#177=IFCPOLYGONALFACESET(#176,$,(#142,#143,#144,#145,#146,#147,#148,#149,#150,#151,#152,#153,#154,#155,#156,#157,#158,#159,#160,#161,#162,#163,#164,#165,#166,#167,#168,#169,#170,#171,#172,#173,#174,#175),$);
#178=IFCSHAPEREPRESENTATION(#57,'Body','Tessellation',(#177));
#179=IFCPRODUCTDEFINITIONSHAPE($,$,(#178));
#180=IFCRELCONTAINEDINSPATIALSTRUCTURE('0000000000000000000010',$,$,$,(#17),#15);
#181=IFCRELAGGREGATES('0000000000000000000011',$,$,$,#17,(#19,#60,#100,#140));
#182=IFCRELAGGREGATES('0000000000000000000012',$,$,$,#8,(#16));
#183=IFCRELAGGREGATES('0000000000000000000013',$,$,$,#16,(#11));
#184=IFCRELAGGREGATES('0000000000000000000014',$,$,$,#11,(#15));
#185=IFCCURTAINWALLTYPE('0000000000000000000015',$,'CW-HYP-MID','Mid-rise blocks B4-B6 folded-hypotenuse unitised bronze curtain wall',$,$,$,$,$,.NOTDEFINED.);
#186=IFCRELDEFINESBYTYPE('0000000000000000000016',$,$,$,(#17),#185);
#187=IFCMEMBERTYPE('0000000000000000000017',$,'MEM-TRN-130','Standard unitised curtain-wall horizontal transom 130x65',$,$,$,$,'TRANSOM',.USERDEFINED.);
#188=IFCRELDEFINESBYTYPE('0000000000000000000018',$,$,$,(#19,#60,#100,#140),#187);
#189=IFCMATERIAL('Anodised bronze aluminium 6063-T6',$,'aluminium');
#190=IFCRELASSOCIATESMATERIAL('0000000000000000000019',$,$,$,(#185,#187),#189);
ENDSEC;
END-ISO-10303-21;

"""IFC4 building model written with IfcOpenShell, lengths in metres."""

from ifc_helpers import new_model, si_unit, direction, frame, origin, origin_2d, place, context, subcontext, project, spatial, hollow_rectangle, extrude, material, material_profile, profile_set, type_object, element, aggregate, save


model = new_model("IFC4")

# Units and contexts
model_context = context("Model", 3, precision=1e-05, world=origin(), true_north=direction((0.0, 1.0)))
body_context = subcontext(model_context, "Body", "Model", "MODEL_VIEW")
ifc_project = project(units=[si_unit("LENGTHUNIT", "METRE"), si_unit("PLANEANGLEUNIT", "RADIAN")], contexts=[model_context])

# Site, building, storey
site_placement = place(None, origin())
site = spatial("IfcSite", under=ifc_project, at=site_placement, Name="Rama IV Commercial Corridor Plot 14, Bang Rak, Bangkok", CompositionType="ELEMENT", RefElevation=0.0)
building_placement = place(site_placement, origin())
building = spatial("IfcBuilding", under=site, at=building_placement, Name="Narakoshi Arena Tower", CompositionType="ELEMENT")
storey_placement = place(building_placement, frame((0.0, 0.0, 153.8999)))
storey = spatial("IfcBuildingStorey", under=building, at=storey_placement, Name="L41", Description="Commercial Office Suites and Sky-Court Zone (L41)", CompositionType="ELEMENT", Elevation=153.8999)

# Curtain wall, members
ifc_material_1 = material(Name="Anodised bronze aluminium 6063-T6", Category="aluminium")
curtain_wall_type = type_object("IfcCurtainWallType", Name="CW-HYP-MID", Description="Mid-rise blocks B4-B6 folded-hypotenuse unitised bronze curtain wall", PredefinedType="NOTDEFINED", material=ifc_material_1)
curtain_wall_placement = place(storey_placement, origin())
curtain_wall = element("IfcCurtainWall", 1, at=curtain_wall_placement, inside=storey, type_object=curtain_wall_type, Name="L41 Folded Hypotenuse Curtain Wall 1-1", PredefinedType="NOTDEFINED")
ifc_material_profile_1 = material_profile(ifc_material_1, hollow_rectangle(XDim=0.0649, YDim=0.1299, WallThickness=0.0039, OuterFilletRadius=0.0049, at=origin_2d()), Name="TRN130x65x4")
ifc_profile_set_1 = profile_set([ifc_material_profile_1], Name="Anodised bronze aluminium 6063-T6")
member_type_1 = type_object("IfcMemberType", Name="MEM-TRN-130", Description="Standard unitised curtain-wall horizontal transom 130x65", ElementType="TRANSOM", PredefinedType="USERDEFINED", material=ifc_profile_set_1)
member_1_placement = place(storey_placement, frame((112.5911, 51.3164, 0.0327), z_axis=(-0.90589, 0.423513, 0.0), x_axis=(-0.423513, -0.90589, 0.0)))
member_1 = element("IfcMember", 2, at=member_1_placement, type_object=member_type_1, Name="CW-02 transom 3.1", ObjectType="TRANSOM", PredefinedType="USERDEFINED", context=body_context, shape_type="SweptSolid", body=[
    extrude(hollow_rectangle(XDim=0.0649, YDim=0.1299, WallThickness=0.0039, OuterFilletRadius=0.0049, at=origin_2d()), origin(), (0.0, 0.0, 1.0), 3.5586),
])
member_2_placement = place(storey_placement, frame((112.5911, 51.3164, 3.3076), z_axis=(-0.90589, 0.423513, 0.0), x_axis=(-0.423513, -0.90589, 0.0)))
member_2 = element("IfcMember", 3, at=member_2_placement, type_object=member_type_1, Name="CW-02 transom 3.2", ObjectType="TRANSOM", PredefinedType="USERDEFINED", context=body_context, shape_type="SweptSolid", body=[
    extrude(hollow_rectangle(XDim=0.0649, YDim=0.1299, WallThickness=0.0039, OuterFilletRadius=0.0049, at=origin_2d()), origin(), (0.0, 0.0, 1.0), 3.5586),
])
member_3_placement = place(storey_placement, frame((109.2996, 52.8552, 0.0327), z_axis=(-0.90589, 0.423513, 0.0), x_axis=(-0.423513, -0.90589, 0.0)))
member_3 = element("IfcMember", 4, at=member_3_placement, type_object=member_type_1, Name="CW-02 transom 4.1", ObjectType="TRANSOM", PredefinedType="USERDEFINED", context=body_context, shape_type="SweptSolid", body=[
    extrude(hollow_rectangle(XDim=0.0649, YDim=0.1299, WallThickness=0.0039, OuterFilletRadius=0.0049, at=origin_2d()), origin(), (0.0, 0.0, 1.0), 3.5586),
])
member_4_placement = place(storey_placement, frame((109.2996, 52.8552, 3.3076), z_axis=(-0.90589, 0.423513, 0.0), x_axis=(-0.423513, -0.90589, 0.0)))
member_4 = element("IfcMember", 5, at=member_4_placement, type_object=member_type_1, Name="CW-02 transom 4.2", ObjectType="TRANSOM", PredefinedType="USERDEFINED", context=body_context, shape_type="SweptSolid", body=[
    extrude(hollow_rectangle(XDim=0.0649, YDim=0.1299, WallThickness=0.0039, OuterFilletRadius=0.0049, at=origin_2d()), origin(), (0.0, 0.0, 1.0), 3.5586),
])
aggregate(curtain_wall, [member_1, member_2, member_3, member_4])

__________

▶ Work required:
In this exercise, repeat the entries above verbatim.

▶ Expected answer:
#177=IFCPOLYGONALFACESET(#176,$,(#142,#143,#144,#145,#146,#147,#148,#149,#150,#151,#152,#153,#154,#155,#156,#157,#158,#159,#160,#161,#162,#163,#164,#165,#166,#167,#168,#169,#170,#171,#172,#173,#174,#175),$);
#178=IFCSHAPEREPRESENTATION(#57,'Body','Tessellation',(#177));
#179=IFCPRODUCTDEFINITIONSHAPE($,$,(#178));
#180=IFCRELCONTAINEDINSPATIALSTRUCTURE('0000000000000000000010',$,$,$,(#17),#15);
#181=IFCRELAGGREGATES('0000000000000000000011',$,$,$,#17,(#19,#60,#100,#140));
#182=IFCRELAGGREGATES('0000000000000000000012',$,$,$,#8,(#16));
#183=IFCRELAGGREGATES('0000000000000000000013',$,$,$,#16,(#11));
#184=IFCRELAGGREGATES('0000000000000000000014',$,$,$,#11,(#15));
#185=IFCCURTAINWALLTYPE('0000000000000000000015',$,'CW-HYP-MID','Mid-rise blocks B4-B6 folded-hypotenuse unitised bronze curtain wall',$,$,$,$,$,.NOTDEFINED.);
#186=IFCRELDEFINESBYTYPE('0000000000000000000016',$,$,$,(#17),#185);
#187=IFCMEMBERTYPE('0000000000000000000017',$,'MEM-TRN-130','Standard unitised curtain-wall horizontal transom 130x65',$,$,$,$,'TRANSOM',.USERDEFINED.);
#188=IFCRELDEFINESBYTYPE('0000000000000000000018',$,$,$,(#19,#60,#100,#140),#187);
#189=IFCMATERIAL('Anodised bronze aluminium 6063-T6',$,'aluminium');
#190=IFCRELASSOCIATESMATERIAL('0000000000000000000019',$,$,$,(#185,#187),#189);
ENDSEC;
END-ISO-10303-21;

"""IFC4 building model written with IfcOpenShell, lengths in metres."""

from ifc_helpers import new_model, si_unit, direction, frame, origin, origin_2d, place, context, subcontext, project, spatial, hollow_rectangle, extrude, material, material_profile, profile_set, type_object, element, aggregate, save


model = new_model("IFC4")

# Units and contexts
model_context = context("Model", 3, precision=1e-05, world=origin(), true_north=direction((0.0, 1.0)))
body_context = subcontext(model_context, "Body", "Model", "MODEL_VIEW")
ifc_project = project(units=[si_unit("LENGTHUNIT", "METRE"), si_unit("PLANEANGLEUNIT", "RADIAN")], contexts=[model_context])

# Site, building, storey
site_placement = place(None, origin())
site = spatial("IfcSite", under=ifc_project, at=site_placement, Name="Rama IV Commercial Corridor Plot 14, Bang Rak, Bangkok", CompositionType="ELEMENT", RefElevation=0.0)
building_placement = place(site_placement, origin())
building = spatial("IfcBuilding", under=site, at=building_placement, Name="Narakoshi Arena Tower", CompositionType="ELEMENT")
storey_placement = place(building_placement, frame((0.0, 0.0, 153.8999)))
storey = spatial("IfcBuildingStorey", under=building, at=storey_placement, Name="L41", Description="Commercial Office Suites and Sky-Court Zone (L41)", CompositionType="ELEMENT", Elevation=153.8999)

# Curtain wall, members
ifc_material_1 = material(Name="Anodised bronze aluminium 6063-T6", Category="aluminium")
curtain_wall_type = type_object("IfcCurtainWallType", Name="CW-HYP-MID", Description="Mid-rise blocks B4-B6 folded-hypotenuse unitised bronze curtain wall", PredefinedType="NOTDEFINED", material=ifc_material_1)
curtain_wall_placement = place(storey_placement, origin())
curtain_wall = element("IfcCurtainWall", 1, at=curtain_wall_placement, inside=storey, type_object=curtain_wall_type, Name="L41 Folded Hypotenuse Curtain Wall 1-1", PredefinedType="NOTDEFINED")
ifc_material_profile_1 = material_profile(ifc_material_1, hollow_rectangle(XDim=0.0649, YDim=0.1299, WallThickness=0.0039, OuterFilletRadius=0.0049, at=origin_2d()), Name="TRN130x65x4")
ifc_profile_set_1 = profile_set([ifc_material_profile_1], Name="Anodised bronze aluminium 6063-T6")
member_type_1 = type_object("IfcMemberType", Name="MEM-TRN-130", Description="Standard unitised curtain-wall horizontal transom 130x65", ElementType="TRANSOM", PredefinedType="USERDEFINED", material=ifc_profile_set_1)
member_1_placement = place(storey_placement, frame((112.5911, 51.3164, 0.0327), z_axis=(-0.90589, 0.423513, 0.0), x_axis=(-0.423513, -0.90589, 0.0)))
member_1 = element("IfcMember", 2, at=member_1_placement, type_object=member_type_1, Name="CW-02 transom 3.1", ObjectType="TRANSOM", PredefinedType="USERDEFINED", context=body_context, shape_type="SweptSolid", body=[
    extrude(hollow_rectangle(XDim=0.0649, YDim=0.1299, WallThickness=0.0039, OuterFilletRadius=0.0049, at=origin_2d()), origin(), (0.0, 0.0, 1.0), 3.5586),
])
member_2_placement = place(storey_placement, frame((112.5911, 51.3164, 3.3076), z_axis=(-0.90589, 0.423513, 0.0), x_axis=(-0.423513, -0.90589, 0.0)))
member_2 = element("IfcMember", 3, at=member_2_placement, type_object=member_type_1, Name="CW-02 transom 3.2", ObjectType="TRANSOM", PredefinedType="USERDEFINED", context=body_context, shape_type="SweptSolid", body=[
    extrude(hollow_rectangle(XDim=0.0649, YDim=0.1299, WallThickness=0.0039, OuterFilletRadius=0.0049, at=origin_2d()), origin(), (0.0, 0.0, 1.0), 3.5586),
])
member_3_placement = place(storey_placement, frame((109.2996, 52.8552, 0.0327), z_axis=(-0.90589, 0.423513, 0.0), x_axis=(-0.423513, -0.90589, 0.0)))
member_3 = element("IfcMember", 4, at=member_3_placement, type_object=member_type_1, Name="CW-02 transom 4.1", ObjectType="TRANSOM", PredefinedType="USERDEFINED", context=body_context, shape_type="SweptSolid", body=[
    extrude(hollow_rectangle(XDim=0.0649, YDim=0.1299, WallThickness=0.0039, OuterFilletRadius=0.0049, at=origin_2d()), origin(), (0.0, 0.0, 1.0), 3.5586),
])
member_4_placement = place(storey_placement, frame((109.2996, 52.8552, 3.3076), z_axis=(-0.90589, 0.423513, 0.0), x_axis=(-0.423513, -0.90589, 0.0)))
member_4 = element("IfcMember", 5, at=member_4_placement, type_object=member_type_1, Name="CW-02 transom 4.2", ObjectType="TRANSOM", PredefinedType="USERDEFINED", context=body_context, shape_type="SweptSolid", body=[
    extrude(hollow_rectangle(XDim=0.0649, YDim=0.1299, WallThickness=0.0039, OuterFilletRadius=0.0049, at=origin_2d()), origin(), (0.0, 0.0, 1.0), 3.5586),
])
aggregate(curtain_wall, [member_1, member_2, member_3, member_4])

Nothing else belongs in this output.